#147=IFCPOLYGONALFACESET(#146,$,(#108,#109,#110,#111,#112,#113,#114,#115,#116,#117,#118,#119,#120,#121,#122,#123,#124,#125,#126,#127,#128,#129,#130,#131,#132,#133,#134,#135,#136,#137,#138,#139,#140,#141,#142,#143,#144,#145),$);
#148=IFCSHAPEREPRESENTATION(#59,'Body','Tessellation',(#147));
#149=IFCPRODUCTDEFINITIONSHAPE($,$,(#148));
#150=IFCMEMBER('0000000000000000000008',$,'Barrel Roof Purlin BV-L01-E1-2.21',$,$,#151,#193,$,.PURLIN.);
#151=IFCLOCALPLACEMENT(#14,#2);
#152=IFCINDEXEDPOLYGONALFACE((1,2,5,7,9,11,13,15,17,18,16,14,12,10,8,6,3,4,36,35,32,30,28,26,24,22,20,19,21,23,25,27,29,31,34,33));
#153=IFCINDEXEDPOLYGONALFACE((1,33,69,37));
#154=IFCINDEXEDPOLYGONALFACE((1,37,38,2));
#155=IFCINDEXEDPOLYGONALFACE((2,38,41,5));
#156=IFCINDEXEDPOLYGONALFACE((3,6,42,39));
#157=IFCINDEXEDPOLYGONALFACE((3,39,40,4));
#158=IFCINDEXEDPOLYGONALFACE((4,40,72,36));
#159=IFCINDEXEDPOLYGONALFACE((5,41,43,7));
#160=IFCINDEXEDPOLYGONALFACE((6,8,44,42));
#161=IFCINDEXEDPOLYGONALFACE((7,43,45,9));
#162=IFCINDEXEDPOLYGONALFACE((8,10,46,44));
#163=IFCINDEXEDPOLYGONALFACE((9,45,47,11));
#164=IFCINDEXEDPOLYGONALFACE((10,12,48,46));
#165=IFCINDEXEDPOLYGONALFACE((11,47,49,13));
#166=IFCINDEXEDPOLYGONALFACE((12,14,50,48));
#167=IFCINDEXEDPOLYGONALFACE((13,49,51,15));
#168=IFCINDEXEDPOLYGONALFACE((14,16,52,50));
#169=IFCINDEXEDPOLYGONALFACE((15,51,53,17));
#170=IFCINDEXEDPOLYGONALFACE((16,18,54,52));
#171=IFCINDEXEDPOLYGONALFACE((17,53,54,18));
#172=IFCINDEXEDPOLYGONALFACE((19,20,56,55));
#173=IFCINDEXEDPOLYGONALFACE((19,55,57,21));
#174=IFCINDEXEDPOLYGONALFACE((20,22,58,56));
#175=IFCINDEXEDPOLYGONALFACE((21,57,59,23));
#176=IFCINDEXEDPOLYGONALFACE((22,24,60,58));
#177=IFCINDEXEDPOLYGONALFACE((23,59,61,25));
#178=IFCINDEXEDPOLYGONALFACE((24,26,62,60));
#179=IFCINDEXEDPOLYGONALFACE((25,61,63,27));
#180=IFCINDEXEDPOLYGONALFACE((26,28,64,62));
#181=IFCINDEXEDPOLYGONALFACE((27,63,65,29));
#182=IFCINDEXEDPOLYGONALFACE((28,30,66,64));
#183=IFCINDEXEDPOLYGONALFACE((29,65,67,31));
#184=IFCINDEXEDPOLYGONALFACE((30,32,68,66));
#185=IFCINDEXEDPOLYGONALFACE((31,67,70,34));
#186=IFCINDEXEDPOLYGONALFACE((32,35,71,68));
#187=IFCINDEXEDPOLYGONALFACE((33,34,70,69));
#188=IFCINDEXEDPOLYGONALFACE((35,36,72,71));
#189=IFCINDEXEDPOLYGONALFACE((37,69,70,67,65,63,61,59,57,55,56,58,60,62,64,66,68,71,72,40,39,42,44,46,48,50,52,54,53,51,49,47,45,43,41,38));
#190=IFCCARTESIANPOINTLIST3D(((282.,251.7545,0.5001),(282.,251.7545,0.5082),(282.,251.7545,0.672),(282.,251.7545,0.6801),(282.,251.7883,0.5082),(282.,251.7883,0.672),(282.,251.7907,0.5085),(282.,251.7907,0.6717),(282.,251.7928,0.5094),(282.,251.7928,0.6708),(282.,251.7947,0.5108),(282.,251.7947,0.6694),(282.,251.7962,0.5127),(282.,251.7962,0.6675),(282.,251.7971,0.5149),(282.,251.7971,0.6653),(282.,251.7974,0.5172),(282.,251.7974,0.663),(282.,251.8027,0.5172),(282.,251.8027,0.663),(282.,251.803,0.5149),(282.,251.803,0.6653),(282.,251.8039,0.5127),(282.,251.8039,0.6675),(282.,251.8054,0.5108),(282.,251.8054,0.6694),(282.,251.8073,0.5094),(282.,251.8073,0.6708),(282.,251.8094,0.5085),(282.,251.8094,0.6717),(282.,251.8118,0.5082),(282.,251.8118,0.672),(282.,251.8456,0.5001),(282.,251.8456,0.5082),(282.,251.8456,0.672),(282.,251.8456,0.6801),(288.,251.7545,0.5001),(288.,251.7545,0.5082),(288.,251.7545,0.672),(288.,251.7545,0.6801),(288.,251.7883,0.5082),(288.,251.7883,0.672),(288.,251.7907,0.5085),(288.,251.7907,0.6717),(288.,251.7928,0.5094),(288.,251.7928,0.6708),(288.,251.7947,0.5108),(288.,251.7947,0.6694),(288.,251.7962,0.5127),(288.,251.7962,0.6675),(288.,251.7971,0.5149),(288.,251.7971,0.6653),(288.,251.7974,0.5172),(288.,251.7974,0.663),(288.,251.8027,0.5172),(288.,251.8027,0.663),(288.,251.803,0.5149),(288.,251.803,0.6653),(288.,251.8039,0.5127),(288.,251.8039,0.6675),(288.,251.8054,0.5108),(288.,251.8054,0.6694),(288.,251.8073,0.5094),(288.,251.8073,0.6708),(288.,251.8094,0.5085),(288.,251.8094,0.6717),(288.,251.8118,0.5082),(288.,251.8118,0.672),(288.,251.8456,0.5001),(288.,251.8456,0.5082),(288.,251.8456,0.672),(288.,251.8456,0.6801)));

§ **TASK GOAL**: Give back, word for word, only the lines above from the line holding "#165=IFCINDEXEDPOLYGONALFACE((11,47,49,13));" to the line holding "#182=IFCINDEXEDPOLYGONALFACE((28,30,66,64));", both included.

§ **YOUR RESPONSE**:
#165=IFCINDEXEDPOLYGONALFACE((11,47,49,13));
#166=IFCINDEXEDPOLYGONALFACE((12,14,50,48));
#167=IFCINDEXEDPOLYGONALFACE((13,49,51,15));
#168=IFCINDEXEDPOLYGONALFACE((14,16,52,50));
#169=IFCINDEXEDPOLYGONALFACE((15,51,53,17));
#170=IFCINDEXEDPOLYGONALFACE((16,18,54,52));
#171=IFCINDEXEDPOLYGONALFACE((17,53,54,18));
#172=IFCINDEXEDPOLYGONALFACE((19,20,56,55));
#173=IFCINDEXEDPOLYGONALFACE((19,55,57,21));
#174=IFCINDEXEDPOLYGONALFACE((20,22,58,56));
#175=IFCINDEXEDPOLYGONALFACE((21,57,59,23));
#176=IFCINDEXEDPOLYGONALFACE((22,24,60,58));
#177=IFCINDEXEDPOLYGONALFACE((23,59,61,25));
#178=IFCINDEXEDPOLYGONALFACE((24,26,62,60));
#179=IFCINDEXEDPOLYGONALFACE((25,61,63,27));
#180=IFCINDEXEDPOLYGONALFACE((26,28,64,62));
#181=IFCINDEXEDPOLYGONALFACE((27,63,65,29));
#182=IFCINDEXEDPOLYGONALFACE((28,30,66,64));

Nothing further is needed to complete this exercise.